=== EXERCISE BRIEF ===
Would you restate the data exactly as given?

Records from a dataset:
···

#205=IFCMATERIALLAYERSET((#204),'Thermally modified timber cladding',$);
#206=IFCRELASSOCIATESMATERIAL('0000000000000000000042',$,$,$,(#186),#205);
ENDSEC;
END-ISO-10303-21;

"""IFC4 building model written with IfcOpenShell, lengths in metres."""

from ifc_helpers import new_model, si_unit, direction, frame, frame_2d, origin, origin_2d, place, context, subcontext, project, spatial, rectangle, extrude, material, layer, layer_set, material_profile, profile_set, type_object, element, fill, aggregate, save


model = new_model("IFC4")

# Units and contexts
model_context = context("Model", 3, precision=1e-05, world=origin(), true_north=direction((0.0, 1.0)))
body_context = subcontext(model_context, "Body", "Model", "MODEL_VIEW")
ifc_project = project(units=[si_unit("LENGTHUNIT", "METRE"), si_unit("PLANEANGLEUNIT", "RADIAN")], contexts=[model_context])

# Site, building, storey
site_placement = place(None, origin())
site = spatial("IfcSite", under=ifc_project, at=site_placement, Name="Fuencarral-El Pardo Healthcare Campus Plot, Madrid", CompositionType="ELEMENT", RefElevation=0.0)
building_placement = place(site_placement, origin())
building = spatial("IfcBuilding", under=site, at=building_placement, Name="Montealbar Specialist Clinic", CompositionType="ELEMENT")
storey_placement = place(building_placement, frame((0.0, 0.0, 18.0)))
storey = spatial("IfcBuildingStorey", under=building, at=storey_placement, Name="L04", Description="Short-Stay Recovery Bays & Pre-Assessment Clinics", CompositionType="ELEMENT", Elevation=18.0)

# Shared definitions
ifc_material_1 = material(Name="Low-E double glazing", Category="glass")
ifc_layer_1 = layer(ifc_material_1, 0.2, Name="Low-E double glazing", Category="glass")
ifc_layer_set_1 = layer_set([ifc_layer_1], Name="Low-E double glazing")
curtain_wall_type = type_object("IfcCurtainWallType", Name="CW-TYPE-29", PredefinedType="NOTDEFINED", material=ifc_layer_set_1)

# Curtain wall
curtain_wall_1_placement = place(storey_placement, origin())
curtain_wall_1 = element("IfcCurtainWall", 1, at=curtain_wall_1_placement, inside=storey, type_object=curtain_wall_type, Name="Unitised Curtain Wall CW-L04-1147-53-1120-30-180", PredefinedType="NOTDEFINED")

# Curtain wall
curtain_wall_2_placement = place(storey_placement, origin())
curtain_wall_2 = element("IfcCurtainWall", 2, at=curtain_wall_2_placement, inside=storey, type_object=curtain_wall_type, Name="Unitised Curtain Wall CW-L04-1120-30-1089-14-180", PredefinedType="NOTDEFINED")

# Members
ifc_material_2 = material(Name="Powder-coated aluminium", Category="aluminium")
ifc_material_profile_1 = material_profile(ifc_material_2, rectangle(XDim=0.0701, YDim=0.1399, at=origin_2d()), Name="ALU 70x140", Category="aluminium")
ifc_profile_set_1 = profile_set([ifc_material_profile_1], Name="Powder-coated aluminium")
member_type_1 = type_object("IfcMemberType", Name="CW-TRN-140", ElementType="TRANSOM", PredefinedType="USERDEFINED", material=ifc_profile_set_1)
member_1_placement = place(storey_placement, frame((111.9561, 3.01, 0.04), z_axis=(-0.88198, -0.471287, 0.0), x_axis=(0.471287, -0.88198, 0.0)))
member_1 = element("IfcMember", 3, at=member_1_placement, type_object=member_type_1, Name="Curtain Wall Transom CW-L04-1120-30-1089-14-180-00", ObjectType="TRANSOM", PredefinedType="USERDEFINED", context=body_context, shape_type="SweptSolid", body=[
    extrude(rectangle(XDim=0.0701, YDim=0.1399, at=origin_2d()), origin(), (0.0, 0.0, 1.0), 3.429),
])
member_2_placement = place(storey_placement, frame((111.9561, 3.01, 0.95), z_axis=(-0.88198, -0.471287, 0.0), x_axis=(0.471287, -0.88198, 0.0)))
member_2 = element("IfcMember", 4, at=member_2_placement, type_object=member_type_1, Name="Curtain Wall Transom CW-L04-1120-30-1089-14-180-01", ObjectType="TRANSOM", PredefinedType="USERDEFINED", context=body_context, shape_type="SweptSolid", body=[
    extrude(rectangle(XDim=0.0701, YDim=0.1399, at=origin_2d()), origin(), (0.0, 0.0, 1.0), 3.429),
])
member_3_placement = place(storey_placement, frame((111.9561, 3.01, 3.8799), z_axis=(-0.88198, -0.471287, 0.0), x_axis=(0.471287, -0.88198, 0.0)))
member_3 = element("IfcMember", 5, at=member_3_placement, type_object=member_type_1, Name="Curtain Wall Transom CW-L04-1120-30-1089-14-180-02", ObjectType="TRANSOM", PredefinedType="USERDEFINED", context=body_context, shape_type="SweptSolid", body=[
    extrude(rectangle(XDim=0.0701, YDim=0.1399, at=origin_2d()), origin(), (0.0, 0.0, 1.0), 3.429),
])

···

=== COMPLETED EXERCISE ===
#205=IFCMATERIALLAYERSET((#204),'Thermally modified timber cladding',$);
#206=IFCRELASSOCIATESMATERIAL('0000000000000000000042',$,$,$,(#186),#205);
ENDSEC;
END-ISO-10303-21;

"""IFC4 building model written with IfcOpenShell, lengths in metres."""

from ifc_helpers import new_model, si_unit, direction, frame, frame_2d, origin, origin_2d, place, context, subcontext, project, spatial, rectangle, extrude, material, layer, layer_set, material_profile, profile_set, type_object, element, fill, aggregate, save


model = new_model("IFC4")

# Units and contexts
model_context = context("Model", 3, precision=1e-05, world=origin(), true_north=direction((0.0, 1.0)))
body_context = subcontext(model_context, "Body", "Model", "MODEL_VIEW")
ifc_project = project(units=[si_unit("LENGTHUNIT", "METRE"), si_unit("PLANEANGLEUNIT", "RADIAN")], contexts=[model_context])

# Site, building, storey
site_placement = place(None, origin())
site = spatial("IfcSite", under=ifc_project, at=site_placement, Name="Fuencarral-El Pardo Healthcare Campus Plot, Madrid", CompositionType="ELEMENT", RefElevation=0.0)
building_placement = place(site_placement, origin())
building = spatial("IfcBuilding", under=site, at=building_placement, Name="Montealbar Specialist Clinic", CompositionType="ELEMENT")
storey_placement = place(building_placement, frame((0.0, 0.0, 18.0)))
storey = spatial("IfcBuildingStorey", under=building, at=storey_placement, Name="L04", Description="Short-Stay Recovery Bays & Pre-Assessment Clinics", CompositionType="ELEMENT", Elevation=18.0)

# Shared definitions
ifc_material_1 = material(Name="Low-E double glazing", Category="glass")
ifc_layer_1 = layer(ifc_material_1, 0.2, Name="Low-E double glazing", Category="glass")
ifc_layer_set_1 = layer_set([ifc_layer_1], Name="Low-E double glazing")
curtain_wall_type = type_object("IfcCurtainWallType", Name="CW-TYPE-29", PredefinedType="NOTDEFINED", material=ifc_layer_set_1)

# Curtain wall
curtain_wall_1_placement = place(storey_placement, origin())
curtain_wall_1 = element("IfcCurtainWall", 1, at=curtain_wall_1_placement, inside=storey, type_object=curtain_wall_type, Name="Unitised Curtain Wall CW-L04-1147-53-1120-30-180", PredefinedType="NOTDEFINED")

# Curtain wall
curtain_wall_2_placement = place(storey_placement, origin())
curtain_wall_2 = element("IfcCurtainWall", 2, at=curtain_wall_2_placement, inside=storey, type_object=curtain_wall_type, Name="Unitised Curtain Wall CW-L04-1120-30-1089-14-180", PredefinedType="NOTDEFINED")

# Members
ifc_material_2 = material(Name="Powder-coated aluminium", Category="aluminium")
ifc_material_profile_1 = material_profile(ifc_material_2, rectangle(XDim=0.0701, YDim=0.1399, at=origin_2d()), Name="ALU 70x140", Category="aluminium")
ifc_profile_set_1 = profile_set([ifc_material_profile_1], Name="Powder-coated aluminium")
member_type_1 = type_object("IfcMemberType", Name="CW-TRN-140", ElementType="TRANSOM", PredefinedType="USERDEFINED", material=ifc_profile_set_1)
member_1_placement = place(storey_placement, frame((111.9561, 3.01, 0.04), z_axis=(-0.88198, -0.471287, 0.0), x_axis=(0.471287, -0.88198, 0.0)))
member_1 = element("IfcMember", 3, at=member_1_placement, type_object=member_type_1, Name="Curtain Wall Transom CW-L04-1120-30-1089-14-180-00", ObjectType="TRANSOM", PredefinedType="USERDEFINED", context=body_context, shape_type="SweptSolid", body=[
    extrude(rectangle(XDim=0.0701, YDim=0.1399, at=origin_2d()), origin(), (0.0, 0.0, 1.0), 3.429),
])
member_2_placement = place(storey_placement, frame((111.9561, 3.01, 0.95), z_axis=(-0.88198, -0.471287, 0.0), x_axis=(0.471287, -0.88198, 0.0)))
member_2 = element("IfcMember", 4, at=member_2_placement, type_object=member_type_1, Name="Curtain Wall Transom CW-L04-1120-30-1089-14-180-01", ObjectType="TRANSOM", PredefinedType="USERDEFINED", context=body_context, shape_type="SweptSolid", body=[
    extrude(rectangle(XDim=0.0701, YDim=0.1399, at=origin_2d()), origin(), (0.0, 0.0, 1.0), 3.429),
])
member_3_placement = place(storey_placement, frame((111.9561, 3.01, 3.8799), z_axis=(-0.88198, -0.471287, 0.0), x_axis=(0.471287, -0.88198, 0.0)))
member_3 = element("IfcMember", 5, at=member_3_placement, type_object=member_type_1, Name="Curtain Wall Transom CW-L04-1120-30-1089-14-180-02", ObjectType="TRANSOM", PredefinedType="USERDEFINED", context=body_context, shape_type="SweptSolid", body=[
    extrude(rectangle(XDim=0.0701, YDim=0.1399, at=origin_2d()), origin(), (0.0, 0.0, 1.0), 3.429),
])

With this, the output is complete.